● Activity:
After locating the line that contains "#84=IFCINDEXEDPOLYGONALFACE((3,6,42,39));" in the records below, write out exactly that line and each line after it through the one that contains "#91=IFCINDEXEDPOLYGONALFACE((9,45,47,11));", and nothing else.

(Stored items)
------------------------
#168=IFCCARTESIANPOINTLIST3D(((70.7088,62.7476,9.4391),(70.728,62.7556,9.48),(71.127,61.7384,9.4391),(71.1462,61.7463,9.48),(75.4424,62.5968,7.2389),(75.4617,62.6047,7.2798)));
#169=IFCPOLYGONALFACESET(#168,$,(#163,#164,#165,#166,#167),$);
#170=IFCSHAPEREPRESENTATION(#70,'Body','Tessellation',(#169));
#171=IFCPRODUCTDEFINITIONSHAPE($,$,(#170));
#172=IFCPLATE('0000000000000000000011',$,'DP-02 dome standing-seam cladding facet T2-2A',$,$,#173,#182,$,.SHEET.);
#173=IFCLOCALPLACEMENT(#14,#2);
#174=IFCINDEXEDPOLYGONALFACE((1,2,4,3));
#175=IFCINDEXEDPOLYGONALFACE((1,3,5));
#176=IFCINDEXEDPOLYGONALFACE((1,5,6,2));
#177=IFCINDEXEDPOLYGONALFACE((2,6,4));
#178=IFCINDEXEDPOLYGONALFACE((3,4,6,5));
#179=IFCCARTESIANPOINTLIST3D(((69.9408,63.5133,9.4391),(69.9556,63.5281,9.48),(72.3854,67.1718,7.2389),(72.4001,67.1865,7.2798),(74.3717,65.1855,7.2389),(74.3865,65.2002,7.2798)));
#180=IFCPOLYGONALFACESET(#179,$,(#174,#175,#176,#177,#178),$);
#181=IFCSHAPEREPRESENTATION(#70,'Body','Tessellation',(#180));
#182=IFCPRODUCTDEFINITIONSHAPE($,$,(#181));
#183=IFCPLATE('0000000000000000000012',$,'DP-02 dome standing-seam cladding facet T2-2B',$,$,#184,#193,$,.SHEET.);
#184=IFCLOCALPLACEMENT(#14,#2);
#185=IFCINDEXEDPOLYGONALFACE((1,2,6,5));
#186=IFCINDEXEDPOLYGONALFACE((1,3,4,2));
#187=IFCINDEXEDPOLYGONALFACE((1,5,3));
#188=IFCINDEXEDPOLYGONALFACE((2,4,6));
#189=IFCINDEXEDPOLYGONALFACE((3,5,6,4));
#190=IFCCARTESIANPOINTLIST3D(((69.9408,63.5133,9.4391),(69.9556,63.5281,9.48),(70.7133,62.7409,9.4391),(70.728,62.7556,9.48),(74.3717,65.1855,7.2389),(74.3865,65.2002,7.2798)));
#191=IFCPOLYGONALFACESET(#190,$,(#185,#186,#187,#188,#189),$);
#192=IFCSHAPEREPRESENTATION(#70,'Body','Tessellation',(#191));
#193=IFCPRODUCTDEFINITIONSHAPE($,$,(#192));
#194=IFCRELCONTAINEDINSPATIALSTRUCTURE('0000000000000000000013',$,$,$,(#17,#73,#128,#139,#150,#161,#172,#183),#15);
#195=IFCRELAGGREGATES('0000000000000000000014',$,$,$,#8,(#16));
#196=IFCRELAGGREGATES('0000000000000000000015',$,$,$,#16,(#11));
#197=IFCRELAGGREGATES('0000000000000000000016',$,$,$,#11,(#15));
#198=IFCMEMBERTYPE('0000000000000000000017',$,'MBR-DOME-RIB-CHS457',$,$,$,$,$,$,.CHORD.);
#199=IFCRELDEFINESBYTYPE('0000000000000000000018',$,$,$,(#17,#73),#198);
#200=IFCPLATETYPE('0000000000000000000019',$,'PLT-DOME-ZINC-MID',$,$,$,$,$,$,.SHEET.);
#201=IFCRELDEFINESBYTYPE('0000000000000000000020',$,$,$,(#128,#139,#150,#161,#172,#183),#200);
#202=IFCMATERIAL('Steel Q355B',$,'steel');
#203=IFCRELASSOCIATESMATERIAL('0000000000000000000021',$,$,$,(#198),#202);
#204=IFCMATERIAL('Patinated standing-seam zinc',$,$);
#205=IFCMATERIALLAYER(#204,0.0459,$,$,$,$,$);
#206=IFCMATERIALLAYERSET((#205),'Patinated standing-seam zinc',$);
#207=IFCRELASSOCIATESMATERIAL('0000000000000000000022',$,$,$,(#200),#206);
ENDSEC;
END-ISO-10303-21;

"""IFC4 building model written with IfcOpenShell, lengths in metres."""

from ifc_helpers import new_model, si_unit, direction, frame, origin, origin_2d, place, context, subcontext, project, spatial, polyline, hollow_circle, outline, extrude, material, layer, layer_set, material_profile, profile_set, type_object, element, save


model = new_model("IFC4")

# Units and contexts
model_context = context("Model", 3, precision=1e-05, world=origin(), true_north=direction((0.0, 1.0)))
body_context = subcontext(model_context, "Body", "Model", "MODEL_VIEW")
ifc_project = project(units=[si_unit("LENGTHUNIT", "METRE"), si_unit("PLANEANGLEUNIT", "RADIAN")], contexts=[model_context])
------------------------
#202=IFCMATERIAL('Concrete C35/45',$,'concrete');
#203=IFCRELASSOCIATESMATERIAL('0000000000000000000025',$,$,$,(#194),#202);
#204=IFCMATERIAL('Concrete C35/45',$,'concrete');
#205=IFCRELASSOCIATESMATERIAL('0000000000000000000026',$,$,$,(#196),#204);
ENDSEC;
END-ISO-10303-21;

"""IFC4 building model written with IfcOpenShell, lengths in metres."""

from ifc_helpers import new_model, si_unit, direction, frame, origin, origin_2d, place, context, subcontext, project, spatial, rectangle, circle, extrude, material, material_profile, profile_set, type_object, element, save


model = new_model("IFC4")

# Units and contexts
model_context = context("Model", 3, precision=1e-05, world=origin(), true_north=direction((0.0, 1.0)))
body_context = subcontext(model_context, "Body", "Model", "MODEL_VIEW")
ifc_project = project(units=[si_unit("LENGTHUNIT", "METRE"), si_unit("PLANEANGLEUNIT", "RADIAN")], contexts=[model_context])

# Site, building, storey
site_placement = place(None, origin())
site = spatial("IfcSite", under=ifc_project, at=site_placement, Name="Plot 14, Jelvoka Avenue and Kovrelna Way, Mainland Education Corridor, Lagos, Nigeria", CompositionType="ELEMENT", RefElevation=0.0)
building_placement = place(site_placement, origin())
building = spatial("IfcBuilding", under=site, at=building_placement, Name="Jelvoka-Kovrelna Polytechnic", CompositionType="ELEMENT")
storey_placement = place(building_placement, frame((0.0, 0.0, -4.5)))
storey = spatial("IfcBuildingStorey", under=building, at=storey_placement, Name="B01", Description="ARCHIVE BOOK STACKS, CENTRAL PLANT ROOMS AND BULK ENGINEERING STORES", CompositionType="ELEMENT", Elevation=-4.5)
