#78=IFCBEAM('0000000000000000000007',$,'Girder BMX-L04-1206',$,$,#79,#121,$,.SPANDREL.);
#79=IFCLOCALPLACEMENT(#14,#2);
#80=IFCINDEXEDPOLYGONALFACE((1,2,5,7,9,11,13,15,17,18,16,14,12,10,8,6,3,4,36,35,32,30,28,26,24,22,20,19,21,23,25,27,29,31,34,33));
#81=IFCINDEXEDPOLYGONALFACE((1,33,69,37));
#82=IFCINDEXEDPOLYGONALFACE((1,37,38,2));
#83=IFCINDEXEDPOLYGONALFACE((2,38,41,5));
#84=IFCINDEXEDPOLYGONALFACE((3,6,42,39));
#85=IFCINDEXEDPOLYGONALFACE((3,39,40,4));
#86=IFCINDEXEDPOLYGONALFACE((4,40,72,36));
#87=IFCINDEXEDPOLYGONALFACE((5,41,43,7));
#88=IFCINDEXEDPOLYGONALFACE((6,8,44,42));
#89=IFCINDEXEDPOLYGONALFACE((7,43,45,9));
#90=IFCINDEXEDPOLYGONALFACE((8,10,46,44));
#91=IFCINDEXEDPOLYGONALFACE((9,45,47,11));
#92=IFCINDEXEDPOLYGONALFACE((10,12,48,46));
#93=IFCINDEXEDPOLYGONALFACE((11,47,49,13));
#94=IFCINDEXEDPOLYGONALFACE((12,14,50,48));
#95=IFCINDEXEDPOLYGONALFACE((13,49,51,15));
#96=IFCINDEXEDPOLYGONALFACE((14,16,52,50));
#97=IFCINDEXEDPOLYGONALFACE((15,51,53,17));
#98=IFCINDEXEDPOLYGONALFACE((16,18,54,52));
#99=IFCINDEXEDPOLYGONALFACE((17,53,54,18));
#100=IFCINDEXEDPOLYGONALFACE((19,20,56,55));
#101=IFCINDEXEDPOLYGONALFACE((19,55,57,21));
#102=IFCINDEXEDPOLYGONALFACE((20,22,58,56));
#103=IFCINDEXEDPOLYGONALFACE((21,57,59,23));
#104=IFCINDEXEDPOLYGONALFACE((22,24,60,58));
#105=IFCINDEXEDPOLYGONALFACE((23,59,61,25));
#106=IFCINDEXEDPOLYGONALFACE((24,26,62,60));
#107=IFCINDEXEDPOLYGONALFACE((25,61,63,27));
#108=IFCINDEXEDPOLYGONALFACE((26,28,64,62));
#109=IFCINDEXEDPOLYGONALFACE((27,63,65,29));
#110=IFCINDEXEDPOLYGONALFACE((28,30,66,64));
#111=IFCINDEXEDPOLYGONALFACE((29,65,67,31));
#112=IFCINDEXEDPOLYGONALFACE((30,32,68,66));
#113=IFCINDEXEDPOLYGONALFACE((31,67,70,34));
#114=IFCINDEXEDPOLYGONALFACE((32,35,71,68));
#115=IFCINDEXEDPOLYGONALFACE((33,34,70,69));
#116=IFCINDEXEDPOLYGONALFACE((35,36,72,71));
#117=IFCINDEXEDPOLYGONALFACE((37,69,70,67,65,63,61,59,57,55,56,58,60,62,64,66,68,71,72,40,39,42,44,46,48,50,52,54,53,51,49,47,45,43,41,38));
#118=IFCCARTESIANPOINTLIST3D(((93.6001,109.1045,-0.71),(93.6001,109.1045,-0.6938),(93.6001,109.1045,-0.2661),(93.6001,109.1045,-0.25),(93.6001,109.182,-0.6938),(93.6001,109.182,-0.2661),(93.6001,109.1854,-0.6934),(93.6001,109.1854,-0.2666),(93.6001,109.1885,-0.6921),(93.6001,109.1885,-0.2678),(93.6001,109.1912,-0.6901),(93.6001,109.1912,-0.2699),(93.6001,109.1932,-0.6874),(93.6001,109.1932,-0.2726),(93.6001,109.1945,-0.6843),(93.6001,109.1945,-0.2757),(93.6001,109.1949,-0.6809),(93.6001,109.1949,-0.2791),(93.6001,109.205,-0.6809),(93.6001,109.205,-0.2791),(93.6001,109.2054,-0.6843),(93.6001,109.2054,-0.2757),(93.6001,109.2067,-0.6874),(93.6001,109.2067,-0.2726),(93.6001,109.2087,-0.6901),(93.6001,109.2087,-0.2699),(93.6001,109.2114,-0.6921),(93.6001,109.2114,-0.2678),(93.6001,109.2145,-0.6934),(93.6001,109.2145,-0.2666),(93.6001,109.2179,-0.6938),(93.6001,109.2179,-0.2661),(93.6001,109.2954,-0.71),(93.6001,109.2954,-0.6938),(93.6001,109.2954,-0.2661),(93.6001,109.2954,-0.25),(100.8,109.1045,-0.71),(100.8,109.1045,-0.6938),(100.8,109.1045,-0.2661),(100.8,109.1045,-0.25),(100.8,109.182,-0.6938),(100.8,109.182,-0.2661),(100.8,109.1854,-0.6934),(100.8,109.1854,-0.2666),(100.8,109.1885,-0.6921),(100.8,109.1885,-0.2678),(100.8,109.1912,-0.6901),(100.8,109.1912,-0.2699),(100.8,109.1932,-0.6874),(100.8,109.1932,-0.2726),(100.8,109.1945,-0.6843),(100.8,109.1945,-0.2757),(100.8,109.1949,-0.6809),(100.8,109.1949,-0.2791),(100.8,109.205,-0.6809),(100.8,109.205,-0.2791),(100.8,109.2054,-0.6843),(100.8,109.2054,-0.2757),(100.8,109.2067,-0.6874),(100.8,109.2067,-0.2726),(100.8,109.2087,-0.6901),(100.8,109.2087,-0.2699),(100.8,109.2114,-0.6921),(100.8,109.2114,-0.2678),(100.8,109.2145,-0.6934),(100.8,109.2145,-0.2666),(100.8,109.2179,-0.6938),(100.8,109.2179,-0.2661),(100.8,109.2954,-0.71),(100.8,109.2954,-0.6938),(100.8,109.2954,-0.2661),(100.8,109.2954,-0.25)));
------------------------
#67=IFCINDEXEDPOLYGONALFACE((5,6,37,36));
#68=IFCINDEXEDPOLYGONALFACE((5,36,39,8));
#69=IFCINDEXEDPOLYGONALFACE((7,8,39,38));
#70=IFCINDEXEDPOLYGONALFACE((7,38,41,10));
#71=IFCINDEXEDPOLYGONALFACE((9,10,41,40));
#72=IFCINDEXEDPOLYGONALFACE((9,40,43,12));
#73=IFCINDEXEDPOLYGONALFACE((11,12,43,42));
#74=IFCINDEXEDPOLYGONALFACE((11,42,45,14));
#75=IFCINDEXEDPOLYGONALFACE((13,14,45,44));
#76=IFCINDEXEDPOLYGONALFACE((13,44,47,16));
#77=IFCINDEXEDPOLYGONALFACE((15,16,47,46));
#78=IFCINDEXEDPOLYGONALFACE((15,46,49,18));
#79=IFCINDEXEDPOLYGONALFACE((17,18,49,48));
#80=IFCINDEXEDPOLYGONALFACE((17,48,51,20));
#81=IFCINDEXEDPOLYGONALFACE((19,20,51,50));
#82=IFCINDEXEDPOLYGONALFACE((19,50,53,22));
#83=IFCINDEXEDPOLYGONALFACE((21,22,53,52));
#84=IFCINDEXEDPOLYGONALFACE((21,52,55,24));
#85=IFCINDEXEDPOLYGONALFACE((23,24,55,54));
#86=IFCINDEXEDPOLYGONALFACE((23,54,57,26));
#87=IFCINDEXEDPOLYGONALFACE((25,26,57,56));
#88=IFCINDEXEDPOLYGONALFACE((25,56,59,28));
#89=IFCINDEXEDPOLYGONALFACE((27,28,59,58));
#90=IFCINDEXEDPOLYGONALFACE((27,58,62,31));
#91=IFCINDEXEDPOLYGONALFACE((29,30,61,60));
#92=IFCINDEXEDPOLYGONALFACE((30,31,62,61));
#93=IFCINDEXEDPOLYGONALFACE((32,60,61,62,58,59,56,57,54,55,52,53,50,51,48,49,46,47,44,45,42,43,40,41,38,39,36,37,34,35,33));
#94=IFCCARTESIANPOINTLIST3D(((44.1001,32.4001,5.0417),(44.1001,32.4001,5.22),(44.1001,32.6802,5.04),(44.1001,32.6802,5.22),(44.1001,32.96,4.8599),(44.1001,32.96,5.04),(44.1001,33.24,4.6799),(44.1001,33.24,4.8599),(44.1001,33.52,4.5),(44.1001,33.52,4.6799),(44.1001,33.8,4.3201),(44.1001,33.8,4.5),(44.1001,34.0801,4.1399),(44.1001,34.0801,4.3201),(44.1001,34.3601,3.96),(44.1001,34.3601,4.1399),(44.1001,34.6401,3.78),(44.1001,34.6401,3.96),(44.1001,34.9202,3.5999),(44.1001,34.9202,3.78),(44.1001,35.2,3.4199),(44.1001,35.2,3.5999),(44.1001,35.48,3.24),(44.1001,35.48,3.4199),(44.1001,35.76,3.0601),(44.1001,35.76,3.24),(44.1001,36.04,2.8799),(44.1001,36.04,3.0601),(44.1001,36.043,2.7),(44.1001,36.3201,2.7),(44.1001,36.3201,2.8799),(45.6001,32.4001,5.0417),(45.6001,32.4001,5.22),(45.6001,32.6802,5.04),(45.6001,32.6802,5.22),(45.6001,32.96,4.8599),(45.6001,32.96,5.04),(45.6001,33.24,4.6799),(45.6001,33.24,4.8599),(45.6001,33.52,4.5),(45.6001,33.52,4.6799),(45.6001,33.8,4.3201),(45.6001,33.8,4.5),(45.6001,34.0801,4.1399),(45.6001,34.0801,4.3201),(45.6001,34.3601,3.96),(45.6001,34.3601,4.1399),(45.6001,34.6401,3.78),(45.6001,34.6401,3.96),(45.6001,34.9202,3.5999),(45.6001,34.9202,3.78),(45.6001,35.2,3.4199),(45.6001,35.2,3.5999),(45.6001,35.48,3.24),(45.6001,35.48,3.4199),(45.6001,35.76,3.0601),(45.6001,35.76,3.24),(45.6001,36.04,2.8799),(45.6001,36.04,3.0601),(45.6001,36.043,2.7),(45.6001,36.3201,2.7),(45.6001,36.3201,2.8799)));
------------------------
● Expected answer:
#84=IFCINDEXEDPOLYGONALFACE((3,6,42,39));
#85=IFCINDEXEDPOLYGONALFACE((3,39,40,4));
#86=IFCINDEXEDPOLYGONALFACE((4,40,72,36));
#87=IFCINDEXEDPOLYGONALFACE((5,41,43,7));
#88=IFCINDEXEDPOLYGONALFACE((6,8,44,42));
#89=IFCINDEXEDPOLYGONALFACE((7,43,45,9));
#90=IFCINDEXEDPOLYGONALFACE((8,10,46,44));
#91=IFCINDEXEDPOLYGONALFACE((9,45,47,11));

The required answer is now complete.